• _What to produce_
Give again, word for word, every line in the entries below from the line with "Gate Convention Centre',$,$,#10,$,$,.ELEMENT.,$,$,$);" up to and including the line with "#18=IFCLOCALPLACEMENT(#14,#2);", and no other line.

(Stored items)
+===+

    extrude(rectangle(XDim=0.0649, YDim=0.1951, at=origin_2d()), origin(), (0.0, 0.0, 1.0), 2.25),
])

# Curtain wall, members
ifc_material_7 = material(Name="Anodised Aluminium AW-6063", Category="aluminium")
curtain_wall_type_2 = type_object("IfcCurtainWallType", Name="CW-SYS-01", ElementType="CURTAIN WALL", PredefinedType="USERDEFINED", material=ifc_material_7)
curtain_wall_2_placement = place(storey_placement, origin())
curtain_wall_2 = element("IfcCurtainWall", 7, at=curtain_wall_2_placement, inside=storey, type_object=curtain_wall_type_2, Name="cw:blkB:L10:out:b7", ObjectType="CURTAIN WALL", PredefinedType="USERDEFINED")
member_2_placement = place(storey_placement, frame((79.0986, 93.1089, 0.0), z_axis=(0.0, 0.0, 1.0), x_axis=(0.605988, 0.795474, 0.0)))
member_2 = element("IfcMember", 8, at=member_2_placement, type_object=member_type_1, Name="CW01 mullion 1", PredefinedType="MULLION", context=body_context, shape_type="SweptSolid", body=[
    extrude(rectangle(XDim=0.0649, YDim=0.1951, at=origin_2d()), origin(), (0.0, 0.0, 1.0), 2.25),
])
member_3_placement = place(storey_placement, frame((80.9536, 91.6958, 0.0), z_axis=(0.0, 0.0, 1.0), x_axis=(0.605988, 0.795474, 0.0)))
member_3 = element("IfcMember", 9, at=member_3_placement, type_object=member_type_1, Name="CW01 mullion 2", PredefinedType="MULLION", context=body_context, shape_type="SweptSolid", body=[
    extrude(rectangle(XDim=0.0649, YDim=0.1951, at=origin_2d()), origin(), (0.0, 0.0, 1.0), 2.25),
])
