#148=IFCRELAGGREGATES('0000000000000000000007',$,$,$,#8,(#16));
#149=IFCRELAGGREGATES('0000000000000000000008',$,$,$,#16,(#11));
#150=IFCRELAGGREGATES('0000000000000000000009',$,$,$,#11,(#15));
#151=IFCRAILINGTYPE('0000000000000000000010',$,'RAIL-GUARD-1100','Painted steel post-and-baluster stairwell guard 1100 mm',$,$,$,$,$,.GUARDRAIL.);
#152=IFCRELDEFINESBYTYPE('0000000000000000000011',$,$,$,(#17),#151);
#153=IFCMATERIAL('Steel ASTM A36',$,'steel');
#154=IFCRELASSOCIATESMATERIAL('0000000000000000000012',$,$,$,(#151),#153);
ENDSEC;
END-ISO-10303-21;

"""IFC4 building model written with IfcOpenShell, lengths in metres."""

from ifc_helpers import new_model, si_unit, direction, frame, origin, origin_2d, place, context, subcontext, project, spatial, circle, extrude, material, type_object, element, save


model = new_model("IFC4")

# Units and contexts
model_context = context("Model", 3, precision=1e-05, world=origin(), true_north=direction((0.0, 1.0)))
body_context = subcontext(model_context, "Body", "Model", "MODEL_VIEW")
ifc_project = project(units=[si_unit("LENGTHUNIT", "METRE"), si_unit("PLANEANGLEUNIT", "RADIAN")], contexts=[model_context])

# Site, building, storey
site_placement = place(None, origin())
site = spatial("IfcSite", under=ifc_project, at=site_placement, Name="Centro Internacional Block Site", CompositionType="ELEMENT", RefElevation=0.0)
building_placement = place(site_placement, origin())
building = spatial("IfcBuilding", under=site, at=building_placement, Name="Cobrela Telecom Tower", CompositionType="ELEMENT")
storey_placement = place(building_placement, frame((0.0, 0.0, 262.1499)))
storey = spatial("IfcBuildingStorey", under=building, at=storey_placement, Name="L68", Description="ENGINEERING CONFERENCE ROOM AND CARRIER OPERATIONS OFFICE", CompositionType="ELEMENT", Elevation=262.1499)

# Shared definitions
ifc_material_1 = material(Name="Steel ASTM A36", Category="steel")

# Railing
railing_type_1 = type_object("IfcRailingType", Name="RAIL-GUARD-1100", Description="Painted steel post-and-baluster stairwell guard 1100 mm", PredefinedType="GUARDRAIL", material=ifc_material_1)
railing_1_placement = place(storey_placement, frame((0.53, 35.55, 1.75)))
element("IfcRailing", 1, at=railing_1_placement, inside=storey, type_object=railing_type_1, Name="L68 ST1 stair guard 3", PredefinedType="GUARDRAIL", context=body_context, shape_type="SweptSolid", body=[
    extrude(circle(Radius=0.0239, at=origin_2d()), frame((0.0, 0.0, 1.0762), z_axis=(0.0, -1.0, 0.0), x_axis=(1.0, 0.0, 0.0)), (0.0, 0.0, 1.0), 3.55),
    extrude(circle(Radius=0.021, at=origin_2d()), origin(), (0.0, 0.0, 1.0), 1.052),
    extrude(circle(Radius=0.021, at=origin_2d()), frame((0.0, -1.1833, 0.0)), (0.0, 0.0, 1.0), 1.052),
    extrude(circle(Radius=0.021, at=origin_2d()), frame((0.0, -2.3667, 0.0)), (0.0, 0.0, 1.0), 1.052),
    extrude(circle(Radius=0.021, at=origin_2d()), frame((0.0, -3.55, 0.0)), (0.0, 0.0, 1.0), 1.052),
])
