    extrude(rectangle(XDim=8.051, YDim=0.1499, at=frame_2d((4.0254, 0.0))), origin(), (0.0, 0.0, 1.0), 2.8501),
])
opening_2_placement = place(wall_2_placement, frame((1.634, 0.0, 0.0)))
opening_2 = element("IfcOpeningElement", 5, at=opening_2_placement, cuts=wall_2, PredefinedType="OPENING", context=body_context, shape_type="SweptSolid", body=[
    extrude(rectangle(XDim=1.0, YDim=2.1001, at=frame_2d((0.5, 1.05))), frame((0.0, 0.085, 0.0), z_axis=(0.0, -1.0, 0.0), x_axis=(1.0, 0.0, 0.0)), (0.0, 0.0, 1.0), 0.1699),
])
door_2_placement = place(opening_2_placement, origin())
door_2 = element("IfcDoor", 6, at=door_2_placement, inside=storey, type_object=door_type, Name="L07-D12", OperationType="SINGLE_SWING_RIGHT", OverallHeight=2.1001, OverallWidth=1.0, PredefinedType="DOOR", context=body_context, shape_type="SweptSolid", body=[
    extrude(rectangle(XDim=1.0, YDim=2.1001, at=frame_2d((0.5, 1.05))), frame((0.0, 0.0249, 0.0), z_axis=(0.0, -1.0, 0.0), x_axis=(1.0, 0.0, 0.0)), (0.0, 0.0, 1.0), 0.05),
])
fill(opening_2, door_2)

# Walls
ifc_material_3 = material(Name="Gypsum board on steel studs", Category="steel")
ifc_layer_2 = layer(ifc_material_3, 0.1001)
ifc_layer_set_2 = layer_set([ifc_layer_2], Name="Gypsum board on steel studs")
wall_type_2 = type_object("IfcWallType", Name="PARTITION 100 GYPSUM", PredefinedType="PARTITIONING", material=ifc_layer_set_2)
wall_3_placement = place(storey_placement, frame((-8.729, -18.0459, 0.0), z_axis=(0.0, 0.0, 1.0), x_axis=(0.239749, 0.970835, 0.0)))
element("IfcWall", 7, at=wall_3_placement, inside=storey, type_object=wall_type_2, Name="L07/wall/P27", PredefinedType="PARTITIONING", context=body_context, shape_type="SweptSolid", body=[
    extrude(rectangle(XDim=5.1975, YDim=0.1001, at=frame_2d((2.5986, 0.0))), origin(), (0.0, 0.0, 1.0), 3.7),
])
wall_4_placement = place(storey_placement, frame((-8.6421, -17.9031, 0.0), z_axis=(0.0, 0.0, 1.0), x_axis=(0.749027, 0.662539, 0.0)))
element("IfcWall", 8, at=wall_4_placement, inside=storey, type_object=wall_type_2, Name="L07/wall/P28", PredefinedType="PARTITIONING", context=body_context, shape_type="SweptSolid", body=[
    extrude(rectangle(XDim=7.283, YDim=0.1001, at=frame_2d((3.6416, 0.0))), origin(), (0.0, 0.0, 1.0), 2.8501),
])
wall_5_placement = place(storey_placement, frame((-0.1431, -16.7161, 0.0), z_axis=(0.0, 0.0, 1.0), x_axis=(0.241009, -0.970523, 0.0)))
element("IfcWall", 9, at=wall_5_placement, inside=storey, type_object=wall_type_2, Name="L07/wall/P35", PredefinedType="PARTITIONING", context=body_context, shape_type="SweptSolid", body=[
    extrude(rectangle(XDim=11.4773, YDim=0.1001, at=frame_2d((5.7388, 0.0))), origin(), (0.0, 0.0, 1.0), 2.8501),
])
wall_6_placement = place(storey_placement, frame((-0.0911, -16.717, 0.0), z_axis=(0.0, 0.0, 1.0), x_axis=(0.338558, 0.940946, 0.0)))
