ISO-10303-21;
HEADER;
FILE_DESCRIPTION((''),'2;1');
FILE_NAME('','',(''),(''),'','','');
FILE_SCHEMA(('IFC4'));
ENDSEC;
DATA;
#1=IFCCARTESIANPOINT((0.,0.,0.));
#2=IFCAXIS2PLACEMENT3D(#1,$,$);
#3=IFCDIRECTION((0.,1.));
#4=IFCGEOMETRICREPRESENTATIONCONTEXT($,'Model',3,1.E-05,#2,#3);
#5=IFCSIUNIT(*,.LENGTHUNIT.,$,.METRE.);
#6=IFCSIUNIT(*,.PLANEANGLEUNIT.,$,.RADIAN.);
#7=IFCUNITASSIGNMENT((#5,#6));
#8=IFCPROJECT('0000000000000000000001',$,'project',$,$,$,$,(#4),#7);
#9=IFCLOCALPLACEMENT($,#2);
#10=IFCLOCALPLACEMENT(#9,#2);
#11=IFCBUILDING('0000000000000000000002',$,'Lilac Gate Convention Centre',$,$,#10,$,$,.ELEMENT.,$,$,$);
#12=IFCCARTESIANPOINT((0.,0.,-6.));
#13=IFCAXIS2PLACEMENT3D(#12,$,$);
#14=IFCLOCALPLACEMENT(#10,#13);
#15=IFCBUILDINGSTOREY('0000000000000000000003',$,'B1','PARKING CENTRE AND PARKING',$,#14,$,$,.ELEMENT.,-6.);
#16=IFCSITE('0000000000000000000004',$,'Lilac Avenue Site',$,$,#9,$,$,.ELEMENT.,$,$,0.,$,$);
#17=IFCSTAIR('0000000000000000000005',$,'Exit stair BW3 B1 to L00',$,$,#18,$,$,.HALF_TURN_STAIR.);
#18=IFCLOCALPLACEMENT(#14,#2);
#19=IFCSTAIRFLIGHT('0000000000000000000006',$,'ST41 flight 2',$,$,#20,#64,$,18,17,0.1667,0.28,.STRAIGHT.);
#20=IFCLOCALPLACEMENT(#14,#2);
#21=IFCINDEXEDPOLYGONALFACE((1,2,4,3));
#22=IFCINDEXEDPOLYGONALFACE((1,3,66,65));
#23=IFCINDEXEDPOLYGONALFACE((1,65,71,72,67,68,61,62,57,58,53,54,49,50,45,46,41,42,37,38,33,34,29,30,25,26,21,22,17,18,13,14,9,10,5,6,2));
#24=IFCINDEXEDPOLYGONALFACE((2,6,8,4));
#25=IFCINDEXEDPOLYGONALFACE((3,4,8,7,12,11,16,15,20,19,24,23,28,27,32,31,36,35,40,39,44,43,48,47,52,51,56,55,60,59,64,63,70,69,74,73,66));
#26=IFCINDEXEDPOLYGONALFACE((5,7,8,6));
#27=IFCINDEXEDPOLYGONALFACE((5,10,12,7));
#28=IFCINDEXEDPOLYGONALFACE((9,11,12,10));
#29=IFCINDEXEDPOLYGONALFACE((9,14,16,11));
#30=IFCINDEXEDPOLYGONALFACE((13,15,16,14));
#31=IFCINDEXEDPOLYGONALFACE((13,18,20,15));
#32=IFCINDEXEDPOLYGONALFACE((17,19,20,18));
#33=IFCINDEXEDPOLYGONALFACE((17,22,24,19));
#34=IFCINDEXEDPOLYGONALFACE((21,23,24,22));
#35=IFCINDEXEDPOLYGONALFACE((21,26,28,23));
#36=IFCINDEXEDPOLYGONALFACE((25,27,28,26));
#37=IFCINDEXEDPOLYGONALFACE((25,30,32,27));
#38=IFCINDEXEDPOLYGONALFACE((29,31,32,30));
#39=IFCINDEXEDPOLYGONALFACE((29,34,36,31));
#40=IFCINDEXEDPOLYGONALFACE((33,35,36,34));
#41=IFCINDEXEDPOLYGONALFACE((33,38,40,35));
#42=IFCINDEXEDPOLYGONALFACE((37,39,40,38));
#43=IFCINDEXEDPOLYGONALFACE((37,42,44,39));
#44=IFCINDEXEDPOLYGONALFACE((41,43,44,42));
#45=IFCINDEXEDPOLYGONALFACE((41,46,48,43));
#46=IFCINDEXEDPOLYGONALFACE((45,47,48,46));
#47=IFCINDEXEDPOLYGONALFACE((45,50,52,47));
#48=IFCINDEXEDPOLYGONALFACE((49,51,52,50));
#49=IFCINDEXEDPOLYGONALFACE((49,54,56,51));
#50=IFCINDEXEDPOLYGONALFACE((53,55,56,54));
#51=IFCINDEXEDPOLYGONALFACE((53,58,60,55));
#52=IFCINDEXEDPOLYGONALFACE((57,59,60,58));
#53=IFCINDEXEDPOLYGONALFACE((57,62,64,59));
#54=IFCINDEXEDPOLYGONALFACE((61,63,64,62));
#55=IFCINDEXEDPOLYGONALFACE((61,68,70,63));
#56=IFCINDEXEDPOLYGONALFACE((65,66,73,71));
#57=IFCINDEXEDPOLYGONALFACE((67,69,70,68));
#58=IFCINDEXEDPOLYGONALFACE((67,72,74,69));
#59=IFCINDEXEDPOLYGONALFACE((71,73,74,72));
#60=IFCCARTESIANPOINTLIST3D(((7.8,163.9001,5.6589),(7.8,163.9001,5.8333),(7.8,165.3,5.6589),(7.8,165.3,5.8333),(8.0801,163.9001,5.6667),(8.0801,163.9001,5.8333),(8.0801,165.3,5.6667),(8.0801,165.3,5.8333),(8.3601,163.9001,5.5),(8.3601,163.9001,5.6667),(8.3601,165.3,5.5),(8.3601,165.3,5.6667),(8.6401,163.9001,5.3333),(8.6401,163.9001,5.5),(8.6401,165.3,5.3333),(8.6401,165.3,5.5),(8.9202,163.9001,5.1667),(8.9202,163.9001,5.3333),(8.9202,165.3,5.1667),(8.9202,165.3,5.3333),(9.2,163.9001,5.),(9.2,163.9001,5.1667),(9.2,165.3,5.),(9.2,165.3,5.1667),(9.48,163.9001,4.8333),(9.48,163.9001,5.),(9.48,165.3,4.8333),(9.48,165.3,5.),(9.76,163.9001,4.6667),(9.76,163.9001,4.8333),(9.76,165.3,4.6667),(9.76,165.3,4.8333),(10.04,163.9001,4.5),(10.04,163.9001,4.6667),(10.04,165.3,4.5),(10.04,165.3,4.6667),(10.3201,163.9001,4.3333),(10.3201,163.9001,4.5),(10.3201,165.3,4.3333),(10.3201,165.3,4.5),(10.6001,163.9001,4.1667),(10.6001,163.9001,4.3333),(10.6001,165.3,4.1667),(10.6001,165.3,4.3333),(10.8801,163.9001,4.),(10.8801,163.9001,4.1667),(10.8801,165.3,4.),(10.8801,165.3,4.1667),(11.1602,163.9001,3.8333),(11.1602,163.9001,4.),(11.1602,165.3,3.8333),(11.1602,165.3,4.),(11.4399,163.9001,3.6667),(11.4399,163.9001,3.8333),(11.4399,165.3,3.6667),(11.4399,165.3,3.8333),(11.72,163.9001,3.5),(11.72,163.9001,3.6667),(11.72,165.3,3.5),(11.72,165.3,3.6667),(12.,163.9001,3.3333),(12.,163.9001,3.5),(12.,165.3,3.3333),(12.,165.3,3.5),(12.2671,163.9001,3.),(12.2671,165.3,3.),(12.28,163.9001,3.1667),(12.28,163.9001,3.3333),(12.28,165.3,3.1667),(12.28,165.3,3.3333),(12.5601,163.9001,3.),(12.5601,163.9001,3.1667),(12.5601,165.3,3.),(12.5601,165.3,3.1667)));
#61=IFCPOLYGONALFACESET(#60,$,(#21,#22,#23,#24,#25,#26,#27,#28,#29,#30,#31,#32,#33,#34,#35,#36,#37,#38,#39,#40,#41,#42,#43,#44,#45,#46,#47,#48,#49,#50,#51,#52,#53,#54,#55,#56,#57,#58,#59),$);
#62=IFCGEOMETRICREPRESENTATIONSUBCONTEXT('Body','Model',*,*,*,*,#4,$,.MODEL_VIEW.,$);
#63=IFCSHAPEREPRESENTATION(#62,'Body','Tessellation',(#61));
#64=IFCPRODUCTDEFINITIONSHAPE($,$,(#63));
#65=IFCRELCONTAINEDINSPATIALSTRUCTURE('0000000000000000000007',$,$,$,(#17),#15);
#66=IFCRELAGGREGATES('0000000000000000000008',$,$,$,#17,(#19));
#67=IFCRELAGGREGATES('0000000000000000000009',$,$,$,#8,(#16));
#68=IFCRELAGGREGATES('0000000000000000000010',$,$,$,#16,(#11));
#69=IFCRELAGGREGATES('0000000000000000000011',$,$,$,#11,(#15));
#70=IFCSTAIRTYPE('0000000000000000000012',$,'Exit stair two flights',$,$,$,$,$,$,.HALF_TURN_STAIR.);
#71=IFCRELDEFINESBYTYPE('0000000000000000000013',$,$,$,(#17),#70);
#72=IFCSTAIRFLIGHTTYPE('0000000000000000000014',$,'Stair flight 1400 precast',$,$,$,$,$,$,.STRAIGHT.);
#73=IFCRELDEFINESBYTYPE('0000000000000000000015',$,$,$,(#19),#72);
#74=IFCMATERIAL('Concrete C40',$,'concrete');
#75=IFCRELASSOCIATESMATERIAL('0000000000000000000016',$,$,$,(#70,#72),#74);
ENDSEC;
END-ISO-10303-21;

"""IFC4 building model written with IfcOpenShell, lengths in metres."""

from ifc_helpers import new_model, si_unit, direction, frame, origin, place, context, subcontext, project, spatial, polyline, outline, extrude, material, type_object, element, aggregate, save


model = new_model("IFC4")

# Units and contexts
model_context = context("Model", 3, precision=1e-05, world=origin(), true_north=direction((0.0, 1.0)))
body_context = subcontext(model_context, "Body", "Model", "MODEL_VIEW")
ifc_project = project(units=[si_unit("LENGTHUNIT", "METRE"), si_unit("PLANEANGLEUNIT", "RADIAN")], contexts=[model_context])

# Site, building, storey
site_placement = place(None, origin())
site = spatial("IfcSite", under=ifc_project, at=site_placement, Name="Lilac Avenue Site", CompositionType="ELEMENT", RefElevation=0.0)
building_placement = place(site_placement, origin())
building = spatial("IfcBuilding", under=site, at=building_placement, Name="Lilac Gate Convention Centre", CompositionType="ELEMENT")
storey_placement = place(building_placement, frame((0.0, 0.0, -6.0)))
storey = spatial("IfcBuildingStorey", under=building, at=storey_placement, Name="B1", Description="PARKING CENTRE AND PARKING", CompositionType="ELEMENT", Elevation=-6.0)

# Shared definitions
ifc_material_1 = material(Name="Concrete C40", Category="concrete")

# Stair, stair flight
stair_type = type_object("IfcStairType", Name="Exit stair two flights", PredefinedType="HALF_TURN_STAIR", material=ifc_material_1)
stair_placement = place(storey_placement, origin())
stair = element("IfcStair", 1, at=stair_placement, inside=storey, type_object=stair_type, Name="Exit stair BW3 B1 to L00", PredefinedType="HALF_TURN_STAIR")
stair_flight_type = type_object("IfcStairFlightType", Name="Stair flight 1400 precast", PredefinedType="STRAIGHT", material=ifc_material_1)
stair_flight_1_placement = place(storey_placement, frame((12.5601, 164.6001, 3.0), z_axis=(0.0, 0.0, 1.0), x_axis=(-1.0, 0.0, 0.0)))
stair_flight_1 = element("IfcStairFlight", 2, at=stair_flight_1_placement, type_object=stair_flight_type, Name="ST41 flight 2", NumberOfRisers=18, NumberOfTreads=17, PredefinedType="STRAIGHT", RiserHeight=0.1667, TreadLength=0.28, context=body_context, shape_type="SweptSolid", body=[
    extrude(outline(polyline([(0.0, 0.0), (0.0, 0.1667), (0.28, 0.1667), (0.28, 0.3333), (0.5601, 0.3333), (0.5601, 0.5), (0.8401, 0.5), (0.8401, 0.6667), (1.1201, 0.6667), (1.1201, 0.8333), (1.3999, 0.8333), (1.3999, 1.0), (1.6799, 1.0), (1.6799, 1.1667), (1.96, 1.1667), (1.96, 1.3333), (2.24, 1.3333), (2.24, 1.5), (2.52, 1.5), (2.52, 1.6667), (2.8, 1.6667), (2.8, 1.8333), (3.0801, 1.8333), (3.0801, 2.0), (3.3601, 2.0), (3.3601, 2.1667), (3.6399, 2.1667), (3.6399, 2.3333), (3.9199, 2.3333), (3.9199, 2.5), (4.2, 2.5), (4.2, 2.6667), (4.48, 2.6667), (4.48, 2.8333), (4.76, 2.8333), (4.76, 3.0), (4.76, 2.6589), (0.293, 0.0), (0.0, 0.0)])), frame((0.0, 0.7, 0.0), z_axis=(0.0, -1.0, 0.0), x_axis=(1.0, 0.0, 0.0)), (0.0, 0.0, 1.0), 1.3999),
])
aggregate(stair, [stair_flight_1])

save(model, "model.ifc")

+===+

• _Task result_
#11=IFCBUILDING('0000000000000000000002',$,'Lilac Gate Convention Centre',$,$,#10,$,$,.ELEMENT.,$,$,$);
#12=IFCCARTESIANPOINT((0.,0.,-6.));
#13=IFCAXIS2PLACEMENT3D(#12,$,$);
#14=IFCLOCALPLACEMENT(#10,#13);
#15=IFCBUILDINGSTOREY('0000000000000000000003',$,'B1','PARKING CENTRE AND PARKING',$,#14,$,$,.ELEMENT.,-6.);
#16=IFCSITE('0000000000000000000004',$,'Lilac Avenue Site',$,$,#9,$,$,.ELEMENT.,$,$,0.,$,$);
#17=IFCSTAIR('0000000000000000000005',$,'Exit stair BW3 B1 to L00',$,$,#18,$,$,.HALF_TURN_STAIR.);
#18=IFCLOCALPLACEMENT(#14,#2);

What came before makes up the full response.